Work to be completed - Scan the data for "libraries" and copy the lines it appears in.

++++ Entries provided

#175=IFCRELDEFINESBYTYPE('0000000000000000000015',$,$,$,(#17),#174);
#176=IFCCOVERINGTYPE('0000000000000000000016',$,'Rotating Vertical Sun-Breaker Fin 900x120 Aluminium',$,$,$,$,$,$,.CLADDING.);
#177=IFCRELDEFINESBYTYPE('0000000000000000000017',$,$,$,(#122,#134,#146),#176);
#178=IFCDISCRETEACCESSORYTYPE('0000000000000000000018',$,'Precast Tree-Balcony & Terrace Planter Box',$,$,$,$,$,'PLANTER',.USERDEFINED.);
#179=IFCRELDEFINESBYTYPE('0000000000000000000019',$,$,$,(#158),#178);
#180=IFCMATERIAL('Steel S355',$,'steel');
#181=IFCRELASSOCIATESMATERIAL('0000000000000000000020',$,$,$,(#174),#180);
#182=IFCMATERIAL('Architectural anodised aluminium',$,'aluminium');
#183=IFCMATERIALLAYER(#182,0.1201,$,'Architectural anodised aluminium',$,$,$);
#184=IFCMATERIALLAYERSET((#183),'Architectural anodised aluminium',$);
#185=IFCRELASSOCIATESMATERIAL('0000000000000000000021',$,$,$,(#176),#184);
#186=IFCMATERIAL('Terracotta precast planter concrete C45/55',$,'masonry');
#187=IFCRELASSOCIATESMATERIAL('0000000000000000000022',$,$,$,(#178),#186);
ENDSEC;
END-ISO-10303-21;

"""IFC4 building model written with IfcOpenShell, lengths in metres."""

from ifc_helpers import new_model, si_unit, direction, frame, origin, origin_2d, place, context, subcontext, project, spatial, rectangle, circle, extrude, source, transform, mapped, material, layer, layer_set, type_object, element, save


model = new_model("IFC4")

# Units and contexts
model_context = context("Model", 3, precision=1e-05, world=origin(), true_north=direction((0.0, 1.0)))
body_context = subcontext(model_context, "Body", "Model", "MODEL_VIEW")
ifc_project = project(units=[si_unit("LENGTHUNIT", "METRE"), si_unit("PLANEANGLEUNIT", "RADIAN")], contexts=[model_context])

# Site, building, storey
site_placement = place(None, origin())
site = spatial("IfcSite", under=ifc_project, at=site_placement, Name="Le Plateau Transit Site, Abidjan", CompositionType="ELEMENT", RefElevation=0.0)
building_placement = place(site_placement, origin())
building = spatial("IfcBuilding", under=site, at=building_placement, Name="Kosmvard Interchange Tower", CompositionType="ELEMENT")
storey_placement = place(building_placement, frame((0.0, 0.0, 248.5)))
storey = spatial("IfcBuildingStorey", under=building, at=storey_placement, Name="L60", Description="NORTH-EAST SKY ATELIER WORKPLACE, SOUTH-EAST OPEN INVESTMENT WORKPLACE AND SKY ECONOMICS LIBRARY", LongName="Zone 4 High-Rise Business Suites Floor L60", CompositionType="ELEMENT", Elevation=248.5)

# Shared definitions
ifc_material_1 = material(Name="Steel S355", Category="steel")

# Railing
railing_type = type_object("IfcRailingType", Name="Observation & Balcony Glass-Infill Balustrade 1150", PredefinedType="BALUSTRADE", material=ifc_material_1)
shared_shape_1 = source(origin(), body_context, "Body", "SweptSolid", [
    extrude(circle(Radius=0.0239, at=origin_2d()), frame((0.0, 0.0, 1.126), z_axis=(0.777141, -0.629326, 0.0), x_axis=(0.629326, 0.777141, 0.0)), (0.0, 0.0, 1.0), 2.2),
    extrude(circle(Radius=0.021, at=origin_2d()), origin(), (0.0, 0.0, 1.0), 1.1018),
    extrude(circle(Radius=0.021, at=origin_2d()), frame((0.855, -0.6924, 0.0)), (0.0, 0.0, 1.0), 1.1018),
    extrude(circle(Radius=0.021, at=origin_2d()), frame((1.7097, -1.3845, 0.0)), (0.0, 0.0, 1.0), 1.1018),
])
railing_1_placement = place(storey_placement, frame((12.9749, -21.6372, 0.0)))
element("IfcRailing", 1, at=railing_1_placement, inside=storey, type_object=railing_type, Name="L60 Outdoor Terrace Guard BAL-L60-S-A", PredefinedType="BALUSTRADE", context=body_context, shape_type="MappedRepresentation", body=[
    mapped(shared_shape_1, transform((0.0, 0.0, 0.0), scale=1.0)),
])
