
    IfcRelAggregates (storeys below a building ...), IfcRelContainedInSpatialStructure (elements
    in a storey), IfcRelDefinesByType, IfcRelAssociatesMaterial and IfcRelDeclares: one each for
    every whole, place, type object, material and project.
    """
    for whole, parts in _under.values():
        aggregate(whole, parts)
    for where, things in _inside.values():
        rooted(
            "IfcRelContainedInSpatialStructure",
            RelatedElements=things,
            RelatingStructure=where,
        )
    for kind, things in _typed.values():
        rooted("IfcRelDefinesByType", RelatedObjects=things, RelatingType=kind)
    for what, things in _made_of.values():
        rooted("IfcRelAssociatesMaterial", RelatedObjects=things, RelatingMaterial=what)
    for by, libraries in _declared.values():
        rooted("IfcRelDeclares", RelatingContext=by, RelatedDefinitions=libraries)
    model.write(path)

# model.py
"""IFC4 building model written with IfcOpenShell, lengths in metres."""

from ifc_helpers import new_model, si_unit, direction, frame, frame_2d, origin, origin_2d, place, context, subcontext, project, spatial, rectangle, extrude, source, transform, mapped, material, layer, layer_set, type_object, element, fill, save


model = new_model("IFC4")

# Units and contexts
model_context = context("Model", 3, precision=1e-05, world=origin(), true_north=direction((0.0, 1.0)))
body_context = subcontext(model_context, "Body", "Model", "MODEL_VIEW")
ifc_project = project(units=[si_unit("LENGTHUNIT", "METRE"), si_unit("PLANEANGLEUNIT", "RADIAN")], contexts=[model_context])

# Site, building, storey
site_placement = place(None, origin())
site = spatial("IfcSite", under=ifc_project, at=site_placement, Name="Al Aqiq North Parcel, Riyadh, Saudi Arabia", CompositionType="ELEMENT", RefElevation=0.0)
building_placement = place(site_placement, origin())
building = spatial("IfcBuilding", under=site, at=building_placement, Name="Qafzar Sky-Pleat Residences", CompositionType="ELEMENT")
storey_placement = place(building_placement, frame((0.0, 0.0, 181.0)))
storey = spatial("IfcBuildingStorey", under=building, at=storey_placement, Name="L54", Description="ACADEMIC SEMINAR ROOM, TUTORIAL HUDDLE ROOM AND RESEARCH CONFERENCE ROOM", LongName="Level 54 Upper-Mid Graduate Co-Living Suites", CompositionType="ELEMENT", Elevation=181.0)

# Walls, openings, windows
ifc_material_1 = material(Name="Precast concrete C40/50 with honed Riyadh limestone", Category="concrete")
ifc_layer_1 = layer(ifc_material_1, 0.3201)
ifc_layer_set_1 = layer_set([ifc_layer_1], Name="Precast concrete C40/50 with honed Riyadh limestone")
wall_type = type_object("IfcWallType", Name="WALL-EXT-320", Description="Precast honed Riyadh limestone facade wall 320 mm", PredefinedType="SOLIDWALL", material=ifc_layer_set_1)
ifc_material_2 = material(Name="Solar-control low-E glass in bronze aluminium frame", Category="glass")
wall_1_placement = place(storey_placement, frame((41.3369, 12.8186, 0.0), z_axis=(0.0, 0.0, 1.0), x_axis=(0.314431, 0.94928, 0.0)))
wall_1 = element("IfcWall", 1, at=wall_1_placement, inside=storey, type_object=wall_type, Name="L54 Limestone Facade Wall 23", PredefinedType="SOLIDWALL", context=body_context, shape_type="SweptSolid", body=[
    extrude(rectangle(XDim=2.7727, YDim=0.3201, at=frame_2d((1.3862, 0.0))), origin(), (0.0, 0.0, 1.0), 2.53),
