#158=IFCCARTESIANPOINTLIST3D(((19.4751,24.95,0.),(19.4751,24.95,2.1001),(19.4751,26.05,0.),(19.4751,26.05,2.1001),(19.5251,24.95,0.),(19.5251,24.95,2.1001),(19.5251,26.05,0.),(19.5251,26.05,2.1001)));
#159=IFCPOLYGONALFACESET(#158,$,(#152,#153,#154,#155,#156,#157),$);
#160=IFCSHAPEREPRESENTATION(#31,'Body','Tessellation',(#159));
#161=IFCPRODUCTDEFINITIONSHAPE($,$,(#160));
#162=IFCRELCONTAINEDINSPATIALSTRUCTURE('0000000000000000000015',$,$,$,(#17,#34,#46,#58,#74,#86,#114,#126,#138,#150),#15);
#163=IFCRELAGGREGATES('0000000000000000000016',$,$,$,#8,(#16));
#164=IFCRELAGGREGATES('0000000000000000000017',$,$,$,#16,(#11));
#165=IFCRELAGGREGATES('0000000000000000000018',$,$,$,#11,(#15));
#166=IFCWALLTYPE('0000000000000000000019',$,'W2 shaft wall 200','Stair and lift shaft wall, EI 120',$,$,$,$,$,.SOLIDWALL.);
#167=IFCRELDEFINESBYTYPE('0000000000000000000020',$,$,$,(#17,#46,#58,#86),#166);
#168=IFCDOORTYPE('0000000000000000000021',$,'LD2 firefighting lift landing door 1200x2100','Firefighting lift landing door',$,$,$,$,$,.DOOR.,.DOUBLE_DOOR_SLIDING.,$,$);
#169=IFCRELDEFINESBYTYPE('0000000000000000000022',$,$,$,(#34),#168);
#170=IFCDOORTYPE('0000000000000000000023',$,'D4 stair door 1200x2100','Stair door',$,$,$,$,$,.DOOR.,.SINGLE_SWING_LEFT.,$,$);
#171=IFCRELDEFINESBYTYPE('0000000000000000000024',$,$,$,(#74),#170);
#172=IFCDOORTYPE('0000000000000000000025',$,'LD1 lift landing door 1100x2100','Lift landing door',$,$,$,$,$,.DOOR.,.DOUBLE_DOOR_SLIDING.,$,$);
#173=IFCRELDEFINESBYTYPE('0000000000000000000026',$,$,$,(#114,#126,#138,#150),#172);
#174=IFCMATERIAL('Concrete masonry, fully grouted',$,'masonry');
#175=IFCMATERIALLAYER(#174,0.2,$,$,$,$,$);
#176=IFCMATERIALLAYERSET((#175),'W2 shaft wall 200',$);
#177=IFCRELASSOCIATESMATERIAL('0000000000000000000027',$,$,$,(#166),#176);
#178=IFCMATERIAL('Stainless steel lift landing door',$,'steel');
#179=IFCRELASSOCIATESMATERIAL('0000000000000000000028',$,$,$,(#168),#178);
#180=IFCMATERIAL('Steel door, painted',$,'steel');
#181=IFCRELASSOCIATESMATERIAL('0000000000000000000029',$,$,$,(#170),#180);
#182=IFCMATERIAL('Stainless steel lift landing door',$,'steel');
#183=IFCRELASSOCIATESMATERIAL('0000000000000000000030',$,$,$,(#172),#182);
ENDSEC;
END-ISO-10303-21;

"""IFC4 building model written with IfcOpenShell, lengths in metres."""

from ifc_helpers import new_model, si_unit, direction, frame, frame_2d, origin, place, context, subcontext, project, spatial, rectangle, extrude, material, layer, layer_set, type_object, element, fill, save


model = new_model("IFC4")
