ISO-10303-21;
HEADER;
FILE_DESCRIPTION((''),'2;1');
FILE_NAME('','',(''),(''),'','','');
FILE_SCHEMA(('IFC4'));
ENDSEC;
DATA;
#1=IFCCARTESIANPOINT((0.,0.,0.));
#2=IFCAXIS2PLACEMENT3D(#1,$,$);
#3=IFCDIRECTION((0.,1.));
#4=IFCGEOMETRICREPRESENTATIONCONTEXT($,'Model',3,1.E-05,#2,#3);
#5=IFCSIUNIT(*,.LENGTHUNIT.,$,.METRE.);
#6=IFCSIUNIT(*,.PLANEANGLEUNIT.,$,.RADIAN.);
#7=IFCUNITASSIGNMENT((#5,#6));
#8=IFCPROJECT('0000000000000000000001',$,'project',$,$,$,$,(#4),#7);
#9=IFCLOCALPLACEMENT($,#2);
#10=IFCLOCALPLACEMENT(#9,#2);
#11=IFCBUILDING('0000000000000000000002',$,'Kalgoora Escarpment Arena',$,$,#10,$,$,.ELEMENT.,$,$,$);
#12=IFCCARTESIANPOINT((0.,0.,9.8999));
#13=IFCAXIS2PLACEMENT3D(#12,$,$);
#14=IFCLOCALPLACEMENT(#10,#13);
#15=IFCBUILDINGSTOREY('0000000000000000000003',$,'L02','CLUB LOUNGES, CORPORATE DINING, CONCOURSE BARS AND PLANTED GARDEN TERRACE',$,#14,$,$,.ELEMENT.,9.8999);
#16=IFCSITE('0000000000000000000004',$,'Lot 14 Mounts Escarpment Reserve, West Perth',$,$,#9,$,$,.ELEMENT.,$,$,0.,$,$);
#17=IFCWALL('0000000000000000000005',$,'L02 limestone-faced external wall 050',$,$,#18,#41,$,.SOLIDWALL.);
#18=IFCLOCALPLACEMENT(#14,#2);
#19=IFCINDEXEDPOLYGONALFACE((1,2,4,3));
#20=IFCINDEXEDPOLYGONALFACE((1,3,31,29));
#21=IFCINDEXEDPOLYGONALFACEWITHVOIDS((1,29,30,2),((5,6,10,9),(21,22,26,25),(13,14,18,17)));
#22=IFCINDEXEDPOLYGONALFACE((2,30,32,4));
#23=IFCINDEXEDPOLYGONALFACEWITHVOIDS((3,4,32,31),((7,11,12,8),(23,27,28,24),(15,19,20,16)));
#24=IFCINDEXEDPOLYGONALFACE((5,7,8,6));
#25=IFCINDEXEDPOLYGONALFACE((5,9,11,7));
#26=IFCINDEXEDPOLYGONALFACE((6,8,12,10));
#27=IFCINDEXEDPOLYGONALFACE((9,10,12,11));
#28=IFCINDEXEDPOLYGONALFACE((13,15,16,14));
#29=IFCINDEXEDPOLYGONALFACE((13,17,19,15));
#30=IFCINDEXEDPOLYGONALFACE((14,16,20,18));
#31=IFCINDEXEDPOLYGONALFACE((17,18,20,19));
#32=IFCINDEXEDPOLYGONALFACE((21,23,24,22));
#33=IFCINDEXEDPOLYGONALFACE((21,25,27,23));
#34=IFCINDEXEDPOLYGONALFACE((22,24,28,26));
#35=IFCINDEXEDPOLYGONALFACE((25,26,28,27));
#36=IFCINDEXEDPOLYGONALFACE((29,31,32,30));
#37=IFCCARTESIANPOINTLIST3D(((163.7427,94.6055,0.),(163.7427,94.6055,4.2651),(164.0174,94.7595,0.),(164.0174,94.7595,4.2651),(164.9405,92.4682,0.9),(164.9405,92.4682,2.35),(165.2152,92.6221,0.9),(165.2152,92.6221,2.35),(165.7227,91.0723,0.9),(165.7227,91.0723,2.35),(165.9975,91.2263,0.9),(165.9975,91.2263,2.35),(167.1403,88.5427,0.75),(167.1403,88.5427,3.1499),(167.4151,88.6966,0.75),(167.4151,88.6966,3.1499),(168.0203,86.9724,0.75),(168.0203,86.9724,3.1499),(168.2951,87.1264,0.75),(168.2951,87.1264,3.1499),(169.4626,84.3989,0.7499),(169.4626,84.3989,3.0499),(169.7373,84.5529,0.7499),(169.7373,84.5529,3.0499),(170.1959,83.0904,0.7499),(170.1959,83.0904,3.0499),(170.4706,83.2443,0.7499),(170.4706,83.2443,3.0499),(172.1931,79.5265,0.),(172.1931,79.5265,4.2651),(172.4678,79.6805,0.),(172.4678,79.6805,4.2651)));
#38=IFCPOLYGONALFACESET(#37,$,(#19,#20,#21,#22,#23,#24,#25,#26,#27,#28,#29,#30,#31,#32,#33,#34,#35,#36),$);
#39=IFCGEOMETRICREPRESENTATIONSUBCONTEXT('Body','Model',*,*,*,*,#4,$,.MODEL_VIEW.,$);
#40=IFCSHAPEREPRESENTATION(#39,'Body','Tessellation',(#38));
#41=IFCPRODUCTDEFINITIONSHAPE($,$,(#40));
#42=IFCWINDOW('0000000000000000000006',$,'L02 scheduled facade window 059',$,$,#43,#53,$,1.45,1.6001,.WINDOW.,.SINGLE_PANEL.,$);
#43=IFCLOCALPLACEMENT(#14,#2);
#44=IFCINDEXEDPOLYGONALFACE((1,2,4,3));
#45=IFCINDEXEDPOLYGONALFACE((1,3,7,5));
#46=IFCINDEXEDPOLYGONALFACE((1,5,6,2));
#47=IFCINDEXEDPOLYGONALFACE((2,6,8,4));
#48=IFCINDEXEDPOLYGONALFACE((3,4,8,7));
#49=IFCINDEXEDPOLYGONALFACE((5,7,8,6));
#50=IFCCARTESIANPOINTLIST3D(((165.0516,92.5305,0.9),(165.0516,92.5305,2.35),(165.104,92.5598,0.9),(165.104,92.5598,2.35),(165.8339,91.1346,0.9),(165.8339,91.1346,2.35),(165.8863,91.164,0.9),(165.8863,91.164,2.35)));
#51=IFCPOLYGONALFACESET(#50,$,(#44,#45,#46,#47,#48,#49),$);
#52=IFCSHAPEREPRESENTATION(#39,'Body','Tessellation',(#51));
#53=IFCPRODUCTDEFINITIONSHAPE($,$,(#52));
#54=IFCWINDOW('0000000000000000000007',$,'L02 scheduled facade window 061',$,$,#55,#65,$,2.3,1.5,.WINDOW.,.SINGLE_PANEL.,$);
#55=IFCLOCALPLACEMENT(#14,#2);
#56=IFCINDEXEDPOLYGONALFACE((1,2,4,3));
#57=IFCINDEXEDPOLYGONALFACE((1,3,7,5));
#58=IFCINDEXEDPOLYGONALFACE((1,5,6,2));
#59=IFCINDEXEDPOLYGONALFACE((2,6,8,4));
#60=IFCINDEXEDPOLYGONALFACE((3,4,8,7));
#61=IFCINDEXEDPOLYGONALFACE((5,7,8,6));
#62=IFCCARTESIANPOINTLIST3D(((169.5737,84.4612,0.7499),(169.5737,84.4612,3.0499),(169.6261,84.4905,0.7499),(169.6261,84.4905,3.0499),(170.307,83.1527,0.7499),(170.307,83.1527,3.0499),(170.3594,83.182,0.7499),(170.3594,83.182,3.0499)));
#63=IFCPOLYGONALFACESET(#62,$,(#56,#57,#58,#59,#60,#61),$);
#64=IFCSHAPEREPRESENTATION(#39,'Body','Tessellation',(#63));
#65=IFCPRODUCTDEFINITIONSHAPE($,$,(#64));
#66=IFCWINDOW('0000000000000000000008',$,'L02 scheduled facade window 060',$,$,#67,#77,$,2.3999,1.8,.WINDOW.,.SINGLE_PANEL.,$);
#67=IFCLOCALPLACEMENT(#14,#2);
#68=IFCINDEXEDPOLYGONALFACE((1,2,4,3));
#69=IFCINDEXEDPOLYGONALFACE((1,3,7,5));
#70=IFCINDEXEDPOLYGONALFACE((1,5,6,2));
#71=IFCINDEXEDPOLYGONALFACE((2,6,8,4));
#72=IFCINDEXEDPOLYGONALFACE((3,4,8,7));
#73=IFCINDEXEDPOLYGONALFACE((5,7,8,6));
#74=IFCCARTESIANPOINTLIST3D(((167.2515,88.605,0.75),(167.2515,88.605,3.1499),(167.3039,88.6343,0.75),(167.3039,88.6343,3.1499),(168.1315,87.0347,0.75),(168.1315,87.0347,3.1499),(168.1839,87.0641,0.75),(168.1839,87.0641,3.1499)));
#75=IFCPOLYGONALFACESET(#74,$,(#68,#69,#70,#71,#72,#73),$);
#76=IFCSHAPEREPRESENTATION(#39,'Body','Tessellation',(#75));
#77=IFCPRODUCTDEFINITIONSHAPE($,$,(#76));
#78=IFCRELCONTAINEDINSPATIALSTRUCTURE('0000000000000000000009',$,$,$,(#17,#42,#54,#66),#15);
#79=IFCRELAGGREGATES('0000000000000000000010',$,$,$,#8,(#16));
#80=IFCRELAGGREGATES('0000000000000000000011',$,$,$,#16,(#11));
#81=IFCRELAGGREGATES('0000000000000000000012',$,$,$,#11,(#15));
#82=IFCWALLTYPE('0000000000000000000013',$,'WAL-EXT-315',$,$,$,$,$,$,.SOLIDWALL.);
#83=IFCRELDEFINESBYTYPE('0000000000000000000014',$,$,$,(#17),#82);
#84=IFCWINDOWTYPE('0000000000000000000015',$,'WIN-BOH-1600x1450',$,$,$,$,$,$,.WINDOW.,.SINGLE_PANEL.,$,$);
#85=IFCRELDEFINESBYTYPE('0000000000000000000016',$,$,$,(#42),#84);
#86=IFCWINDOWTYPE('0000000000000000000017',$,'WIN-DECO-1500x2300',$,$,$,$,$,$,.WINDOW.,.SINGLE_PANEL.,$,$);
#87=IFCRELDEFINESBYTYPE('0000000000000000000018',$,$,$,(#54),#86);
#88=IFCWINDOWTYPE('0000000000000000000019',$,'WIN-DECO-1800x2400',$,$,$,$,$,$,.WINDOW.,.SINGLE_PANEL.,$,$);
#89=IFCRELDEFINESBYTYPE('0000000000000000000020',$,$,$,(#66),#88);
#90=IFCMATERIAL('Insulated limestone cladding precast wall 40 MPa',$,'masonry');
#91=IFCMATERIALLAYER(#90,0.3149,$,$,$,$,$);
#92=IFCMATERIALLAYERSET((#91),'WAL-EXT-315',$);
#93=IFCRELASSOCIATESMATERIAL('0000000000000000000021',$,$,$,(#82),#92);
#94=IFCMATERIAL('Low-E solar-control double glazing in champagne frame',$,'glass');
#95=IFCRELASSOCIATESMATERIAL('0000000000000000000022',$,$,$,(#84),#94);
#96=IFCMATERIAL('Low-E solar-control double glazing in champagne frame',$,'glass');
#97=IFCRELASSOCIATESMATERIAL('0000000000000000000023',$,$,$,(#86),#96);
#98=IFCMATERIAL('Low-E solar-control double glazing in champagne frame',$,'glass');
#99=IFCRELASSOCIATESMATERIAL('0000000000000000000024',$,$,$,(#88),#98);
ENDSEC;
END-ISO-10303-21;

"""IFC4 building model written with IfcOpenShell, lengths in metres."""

from ifc_helpers import new_model, si_unit, direction, frame, frame_2d, origin, place, context, subcontext, project, spatial, rectangle, extrude, material, layer, layer_set, type_object, element, fill, save


model = new_model("IFC4")

# Units and contexts
model_context = context("Model", 3, precision=1e-05, world=origin(), true_north=direction((0.0, 1.0)))
body_context = subcontext(model_context, "Body", "Model", "MODEL_VIEW")
ifc_project = project(units=[si_unit("LENGTHUNIT", "METRE"), si_unit("PLANEANGLEUNIT", "RADIAN")], contexts=[model_context])

# Site, building, storey
site_placement = place(None, origin())
site = spatial("IfcSite", under=ifc_project, at=site_placement, Name="Lot 14 Mounts Escarpment Reserve, West Perth", CompositionType="ELEMENT", RefElevation=0.0)
building_placement = place(site_placement, origin())
building = spatial("IfcBuilding", under=site, at=building_placement, Name="Kalgoora Escarpment Arena", CompositionType="ELEMENT")
storey_placement = place(building_placement, frame((0.0, 0.0, 9.8999)))
storey = spatial("IfcBuildingStorey", under=building, at=storey_placement, Name="L02", Description="CLUB LOUNGES, CORPORATE DINING, CONCOURSE BARS AND PLANTED GARDEN TERRACE", CompositionType="ELEMENT", Elevation=9.8999)

# Wall, openings, windows
ifc_material_1 = material(Name="Insulated limestone cladding precast wall 40 MPa", Category="masonry")
ifc_layer_1 = layer(ifc_material_1, 0.3149)
ifc_layer_set_1 = layer_set([ifc_layer_1], Name="WAL-EXT-315")
wall_type = type_object("IfcWallType", Name="WAL-EXT-315", PredefinedType="SOLIDWALL", material=ifc_layer_set_1)
wall_placement = place(storey_placement, frame((163.8801, 94.6824, 0.0), z_axis=(0.0, 0.0, 1.0), x_axis=(0.488874, -0.872354, 0.0)))
wall = element("IfcWall", 1, at=wall_placement, inside=storey, type_object=wall_type, Name="L02 limestone-faced external wall 050", PredefinedType="SOLIDWALL", context=body_context, shape_type="SweptSolid", body=[
    extrude(rectangle(XDim=17.2854, YDim=0.3149, at=frame_2d((8.6426, 0.0))), origin(), (0.0, 0.0, 1.0), 4.2651),
])
opening_1_placement = place(wall_placement, frame((2.45, 0.0, 0.8999)))
opening_1 = element("IfcOpeningElement", 2, at=opening_1_placement, cuts=wall, PredefinedType="OPENING", context=body_context, shape_type="SweptSolid", body=[
    extrude(rectangle(XDim=1.6001, YDim=1.45, at=frame_2d((0.8, 0.7251))), frame((0.0, 0.1675, 0.0), z_axis=(0.0, -1.0, 0.0), x_axis=(1.0, 0.0, 0.0)), (0.0, 0.0, 1.0), 0.335),
])
opening_2_placement = place(wall_placement, frame((6.95, 0.0, 0.75)))
opening_2 = element("IfcOpeningElement", 3, at=opening_2_placement, cuts=wall, PredefinedType="OPENING", context=body_context, shape_type="SweptSolid", body=[
    extrude(rectangle(XDim=1.8, YDim=2.3999, at=frame_2d((0.8999, 1.2))), frame((0.0, 0.1675, 0.0), z_axis=(0.0, -1.0, 0.0), x_axis=(1.0, 0.0, 0.0)), (0.0, 0.0, 1.0), 0.335),
])
opening_3_placement = place(wall_placement, frame((11.7, 0.0, 0.75)))
opening_3 = element("IfcOpeningElement", 4, at=opening_3_placement, cuts=wall, PredefinedType="OPENING", context=body_context, shape_type="SweptSolid", body=[
    extrude(rectangle(XDim=1.5, YDim=2.3, at=frame_2d((0.75, 1.1499))), frame((0.0, 0.1675, 0.0), z_axis=(0.0, -1.0, 0.0), x_axis=(1.0, 0.0, 0.0)), (0.0, 0.0, 1.0), 0.335),
])
ifc_material_2 = material(Name="Low-E solar-control double glazing in champagne frame", Category="glass")
window_type_1 = type_object("IfcWindowType", Name="WIN-BOH-1600x1450", PartitioningType="SINGLE_PANEL", PredefinedType="WINDOW", material=ifc_material_2)
window_1_placement = place(opening_1_placement, origin())
window_1 = element("IfcWindow", 5, at=window_1_placement, inside=storey, type_object=window_type_1, Name="L02 scheduled facade window 059", OverallHeight=1.45, OverallWidth=1.6001, PartitioningType="SINGLE_PANEL", PredefinedType="WINDOW", context=body_context, shape_type="SweptSolid", body=[
    extrude(rectangle(XDim=1.6001, YDim=1.45, at=frame_2d((0.8, 0.7251))), frame((0.0, 0.03, 0.0), z_axis=(0.0, -1.0, 0.0), x_axis=(1.0, 0.0, 0.0)), (0.0, 0.0, 1.0), 0.0601),
])
fill(opening_1, window_1)
ifc_material_3 = material(Name="Low-E solar-control double glazing in champagne frame", Category="glass")
window_type_2 = type_object("IfcWindowType", Name="WIN-DECO-1500x2300", PartitioningType="SINGLE_PANEL", PredefinedType="WINDOW", material=ifc_material_3)
window_2_placement = place(opening_3_placement, origin())
window_2 = element("IfcWindow", 6, at=window_2_placement, inside=storey, type_object=window_type_2, Name="L02 scheduled facade window 061", OverallHeight=2.3, OverallWidth=1.5, PartitioningType="SINGLE_PANEL", PredefinedType="WINDOW", context=body_context, shape_type="SweptSolid", body=[
    extrude(rectangle(XDim=1.5, YDim=2.3, at=frame_2d((0.75, 1.1499))), frame((0.0, 0.03, 0.0), z_axis=(0.0, -1.0, 0.0), x_axis=(1.0, 0.0, 0.0)), (0.0, 0.0, 1.0), 0.0601),
])
fill(opening_3, window_2)
ifc_material_4 = material(Name="Low-E solar-control double glazing in champagne frame", Category="glass")
window_type_3 = type_object("IfcWindowType", Name="WIN-DECO-1800x2400", PartitioningType="SINGLE_PANEL", PredefinedType="WINDOW", material=ifc_material_4)
window_3_placement = place(opening_2_placement, origin())
window_3 = element("IfcWindow", 7, at=window_3_placement, inside=storey, type_object=window_type_3, Name="L02 scheduled facade window 060", OverallHeight=2.3999, OverallWidth=1.8, PartitioningType="SINGLE_PANEL", PredefinedType="WINDOW", context=body_context, shape_type="SweptSolid", body=[
    extrude(rectangle(XDim=1.8, YDim=2.3999, at=frame_2d((0.8999, 1.2))), frame((0.0, 0.03, 0.0), z_axis=(0.0, -1.0, 0.0), x_axis=(1.0, 0.0, 0.0)), (0.0, 0.0, 1.0), 0.0601),
])
fill(opening_2, window_3)

save(model, "model.ifc")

++++++++

Answer section -
    for by, libraries in _declared.values():
        rooted("IfcRelDeclares", RelatingContext=by, RelatedDefinitions=libraries)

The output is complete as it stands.